*MATERIAL FOR THIS EXERCISE*:

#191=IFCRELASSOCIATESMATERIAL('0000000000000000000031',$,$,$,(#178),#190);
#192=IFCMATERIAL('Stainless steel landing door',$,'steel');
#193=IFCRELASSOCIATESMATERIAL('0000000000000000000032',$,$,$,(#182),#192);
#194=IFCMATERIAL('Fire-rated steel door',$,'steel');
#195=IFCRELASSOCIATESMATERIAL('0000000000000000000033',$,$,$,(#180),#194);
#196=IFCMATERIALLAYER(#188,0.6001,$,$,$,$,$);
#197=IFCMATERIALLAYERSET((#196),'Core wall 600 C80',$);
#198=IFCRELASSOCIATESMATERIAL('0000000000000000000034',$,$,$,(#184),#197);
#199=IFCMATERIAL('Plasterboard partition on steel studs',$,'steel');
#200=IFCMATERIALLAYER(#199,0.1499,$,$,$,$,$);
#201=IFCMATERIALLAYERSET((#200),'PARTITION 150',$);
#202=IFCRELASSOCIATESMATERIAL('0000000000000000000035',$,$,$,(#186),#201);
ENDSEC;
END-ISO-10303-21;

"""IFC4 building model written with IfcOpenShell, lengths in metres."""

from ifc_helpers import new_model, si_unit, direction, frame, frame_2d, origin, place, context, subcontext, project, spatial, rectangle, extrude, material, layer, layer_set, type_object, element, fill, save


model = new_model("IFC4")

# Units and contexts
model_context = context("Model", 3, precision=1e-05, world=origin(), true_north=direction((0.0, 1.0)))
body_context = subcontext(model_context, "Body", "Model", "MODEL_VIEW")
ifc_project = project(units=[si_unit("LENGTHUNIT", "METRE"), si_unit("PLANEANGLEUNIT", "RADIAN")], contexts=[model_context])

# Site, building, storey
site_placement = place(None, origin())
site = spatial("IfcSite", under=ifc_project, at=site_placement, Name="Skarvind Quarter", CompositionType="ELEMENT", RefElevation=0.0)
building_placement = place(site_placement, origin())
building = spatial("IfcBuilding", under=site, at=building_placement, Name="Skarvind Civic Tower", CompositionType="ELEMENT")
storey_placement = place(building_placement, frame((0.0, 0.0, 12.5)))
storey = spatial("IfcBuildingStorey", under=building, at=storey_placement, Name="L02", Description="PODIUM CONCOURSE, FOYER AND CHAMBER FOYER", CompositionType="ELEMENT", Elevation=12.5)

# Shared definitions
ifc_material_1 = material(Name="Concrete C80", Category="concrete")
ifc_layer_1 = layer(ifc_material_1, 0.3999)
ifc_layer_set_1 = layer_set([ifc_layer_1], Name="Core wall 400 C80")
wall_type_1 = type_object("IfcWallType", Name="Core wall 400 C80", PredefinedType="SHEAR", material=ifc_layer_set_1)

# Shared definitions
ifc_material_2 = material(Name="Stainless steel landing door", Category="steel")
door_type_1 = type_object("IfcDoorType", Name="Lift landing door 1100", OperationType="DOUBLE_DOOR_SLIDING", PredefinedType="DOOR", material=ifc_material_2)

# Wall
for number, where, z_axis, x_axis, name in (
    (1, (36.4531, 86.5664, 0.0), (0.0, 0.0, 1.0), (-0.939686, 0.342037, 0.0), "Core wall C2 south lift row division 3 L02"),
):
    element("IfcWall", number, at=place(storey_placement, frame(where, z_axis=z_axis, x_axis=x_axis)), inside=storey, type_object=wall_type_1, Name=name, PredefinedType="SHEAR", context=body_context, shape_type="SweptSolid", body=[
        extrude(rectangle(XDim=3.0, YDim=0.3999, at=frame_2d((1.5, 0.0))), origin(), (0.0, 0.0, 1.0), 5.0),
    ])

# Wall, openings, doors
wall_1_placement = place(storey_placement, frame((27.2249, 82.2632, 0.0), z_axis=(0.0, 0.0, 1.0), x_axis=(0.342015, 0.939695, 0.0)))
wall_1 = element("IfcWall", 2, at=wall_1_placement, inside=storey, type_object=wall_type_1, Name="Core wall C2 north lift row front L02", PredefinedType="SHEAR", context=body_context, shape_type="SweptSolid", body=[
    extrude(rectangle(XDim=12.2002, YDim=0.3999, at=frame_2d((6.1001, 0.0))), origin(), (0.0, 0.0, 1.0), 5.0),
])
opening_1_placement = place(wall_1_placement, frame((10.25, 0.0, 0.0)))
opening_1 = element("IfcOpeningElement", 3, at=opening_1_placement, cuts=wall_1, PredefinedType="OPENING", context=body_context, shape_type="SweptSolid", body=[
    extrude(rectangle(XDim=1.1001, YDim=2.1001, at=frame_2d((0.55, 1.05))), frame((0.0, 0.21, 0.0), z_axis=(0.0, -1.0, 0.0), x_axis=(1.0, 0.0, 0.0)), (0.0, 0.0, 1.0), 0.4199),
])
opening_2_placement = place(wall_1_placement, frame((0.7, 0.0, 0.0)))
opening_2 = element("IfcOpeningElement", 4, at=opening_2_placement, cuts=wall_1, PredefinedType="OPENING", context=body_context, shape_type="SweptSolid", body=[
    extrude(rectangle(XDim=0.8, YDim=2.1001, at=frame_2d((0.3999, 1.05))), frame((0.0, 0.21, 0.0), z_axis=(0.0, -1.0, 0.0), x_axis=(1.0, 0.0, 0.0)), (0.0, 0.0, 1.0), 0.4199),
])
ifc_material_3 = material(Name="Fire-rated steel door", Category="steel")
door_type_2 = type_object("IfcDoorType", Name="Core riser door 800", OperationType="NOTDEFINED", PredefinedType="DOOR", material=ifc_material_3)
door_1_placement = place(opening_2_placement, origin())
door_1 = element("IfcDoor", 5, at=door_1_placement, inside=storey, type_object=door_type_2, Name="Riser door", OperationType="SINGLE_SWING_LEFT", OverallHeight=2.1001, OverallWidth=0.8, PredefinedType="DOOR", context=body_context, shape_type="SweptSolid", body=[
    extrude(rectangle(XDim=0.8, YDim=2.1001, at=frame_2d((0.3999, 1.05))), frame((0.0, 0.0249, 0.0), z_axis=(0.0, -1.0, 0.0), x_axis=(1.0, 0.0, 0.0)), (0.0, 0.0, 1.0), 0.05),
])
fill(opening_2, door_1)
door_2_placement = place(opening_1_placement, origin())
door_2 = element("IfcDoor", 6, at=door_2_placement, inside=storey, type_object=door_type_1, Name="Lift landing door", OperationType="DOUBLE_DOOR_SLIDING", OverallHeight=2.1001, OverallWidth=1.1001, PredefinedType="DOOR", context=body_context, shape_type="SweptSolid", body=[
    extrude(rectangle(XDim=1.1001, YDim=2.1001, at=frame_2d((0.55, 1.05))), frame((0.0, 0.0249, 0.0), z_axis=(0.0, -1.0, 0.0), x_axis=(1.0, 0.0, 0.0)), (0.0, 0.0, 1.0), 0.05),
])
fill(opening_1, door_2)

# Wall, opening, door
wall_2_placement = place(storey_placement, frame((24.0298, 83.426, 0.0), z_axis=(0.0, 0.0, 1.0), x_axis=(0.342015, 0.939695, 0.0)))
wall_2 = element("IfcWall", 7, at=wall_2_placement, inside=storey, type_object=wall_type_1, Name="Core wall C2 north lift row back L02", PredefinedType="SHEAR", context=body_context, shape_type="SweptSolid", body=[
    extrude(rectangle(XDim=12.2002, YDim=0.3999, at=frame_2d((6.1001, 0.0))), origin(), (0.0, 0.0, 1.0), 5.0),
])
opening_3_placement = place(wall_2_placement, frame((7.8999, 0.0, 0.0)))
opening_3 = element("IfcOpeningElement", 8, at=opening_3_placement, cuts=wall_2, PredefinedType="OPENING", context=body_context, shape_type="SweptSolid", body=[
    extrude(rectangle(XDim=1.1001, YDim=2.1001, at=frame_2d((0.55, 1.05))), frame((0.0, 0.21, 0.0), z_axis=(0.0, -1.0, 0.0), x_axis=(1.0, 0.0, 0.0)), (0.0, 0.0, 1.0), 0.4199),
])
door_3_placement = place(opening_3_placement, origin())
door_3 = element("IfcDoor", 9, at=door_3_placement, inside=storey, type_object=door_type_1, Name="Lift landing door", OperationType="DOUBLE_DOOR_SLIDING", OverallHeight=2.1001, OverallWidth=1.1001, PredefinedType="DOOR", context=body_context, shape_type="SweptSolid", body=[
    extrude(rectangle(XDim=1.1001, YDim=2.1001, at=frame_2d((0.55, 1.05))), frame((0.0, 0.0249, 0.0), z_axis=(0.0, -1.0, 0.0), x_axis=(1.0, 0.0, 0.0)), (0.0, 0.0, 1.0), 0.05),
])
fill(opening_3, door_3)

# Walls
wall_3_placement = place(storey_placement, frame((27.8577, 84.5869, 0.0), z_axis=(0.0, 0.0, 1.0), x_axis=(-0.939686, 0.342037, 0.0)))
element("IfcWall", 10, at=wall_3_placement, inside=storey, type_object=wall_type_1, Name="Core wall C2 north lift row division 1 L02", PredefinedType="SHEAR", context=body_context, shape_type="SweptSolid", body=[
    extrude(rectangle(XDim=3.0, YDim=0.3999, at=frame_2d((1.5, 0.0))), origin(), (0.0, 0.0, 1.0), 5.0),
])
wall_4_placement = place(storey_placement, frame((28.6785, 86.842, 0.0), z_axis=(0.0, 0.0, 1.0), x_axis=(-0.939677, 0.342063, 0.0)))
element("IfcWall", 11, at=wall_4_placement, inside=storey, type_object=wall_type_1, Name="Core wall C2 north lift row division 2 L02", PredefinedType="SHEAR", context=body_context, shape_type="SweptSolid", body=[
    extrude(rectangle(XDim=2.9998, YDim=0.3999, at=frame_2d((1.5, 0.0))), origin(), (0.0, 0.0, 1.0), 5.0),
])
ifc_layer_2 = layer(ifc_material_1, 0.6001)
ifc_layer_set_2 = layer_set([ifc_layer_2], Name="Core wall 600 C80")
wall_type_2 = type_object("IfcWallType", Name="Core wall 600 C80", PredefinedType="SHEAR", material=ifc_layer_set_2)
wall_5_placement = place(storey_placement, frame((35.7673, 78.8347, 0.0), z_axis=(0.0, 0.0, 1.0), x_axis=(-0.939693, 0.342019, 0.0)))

*PROBLEM DESCRIPTION*: Only the lines from the beginning of the listing through the line containing "frame((0.0, 0.0, 12.5)))" are wanted, each restated word for word.

*RESULT*:
#191=IFCRELASSOCIATESMATERIAL('0000000000000000000031',$,$,$,(#178),#190);
#192=IFCMATERIAL('Stainless steel landing door',$,'steel');
#193=IFCRELASSOCIATESMATERIAL('0000000000000000000032',$,$,$,(#182),#192);
#194=IFCMATERIAL('Fire-rated steel door',$,'steel');
#195=IFCRELASSOCIATESMATERIAL('0000000000000000000033',$,$,$,(#180),#194);
#196=IFCMATERIALLAYER(#188,0.6001,$,$,$,$,$);
#197=IFCMATERIALLAYERSET((#196),'Core wall 600 C80',$);
#198=IFCRELASSOCIATESMATERIAL('0000000000000000000034',$,$,$,(#184),#197);
#199=IFCMATERIAL('Plasterboard partition on steel studs',$,'steel');
#200=IFCMATERIALLAYER(#199,0.1499,$,$,$,$,$);
#201=IFCMATERIALLAYERSET((#200),'PARTITION 150',$);
#202=IFCRELASSOCIATESMATERIAL('0000000000000000000035',$,$,$,(#186),#201);
ENDSEC;
END-ISO-10303-21;

"""IFC4 building model written with IfcOpenShell, lengths in metres."""

from ifc_helpers import new_model, si_unit, direction, frame, frame_2d, origin, place, context, subcontext, project, spatial, rectangle, extrude, material, layer, layer_set, type_object, element, fill, save


model = new_model("IFC4")

# Units and contexts
model_context = context("Model", 3, precision=1e-05, world=origin(), true_north=direction((0.0, 1.0)))
body_context = subcontext(model_context, "Body", "Model", "MODEL_VIEW")
ifc_project = project(units=[si_unit("LENGTHUNIT", "METRE"), si_unit("PLANEANGLEUNIT", "RADIAN")], contexts=[model_context])

# Site, building, storey
site_placement = place(None, origin())
site = spatial("IfcSite", under=ifc_project, at=site_placement, Name="Skarvind Quarter", CompositionType="ELEMENT", RefElevation=0.0)
building_placement = place(site_placement, origin())
building = spatial("IfcBuilding", under=site, at=building_placement, Name="Skarvind Civic Tower", CompositionType="ELEMENT")
storey_placement = place(building_placement, frame((0.0, 0.0, 12.5)))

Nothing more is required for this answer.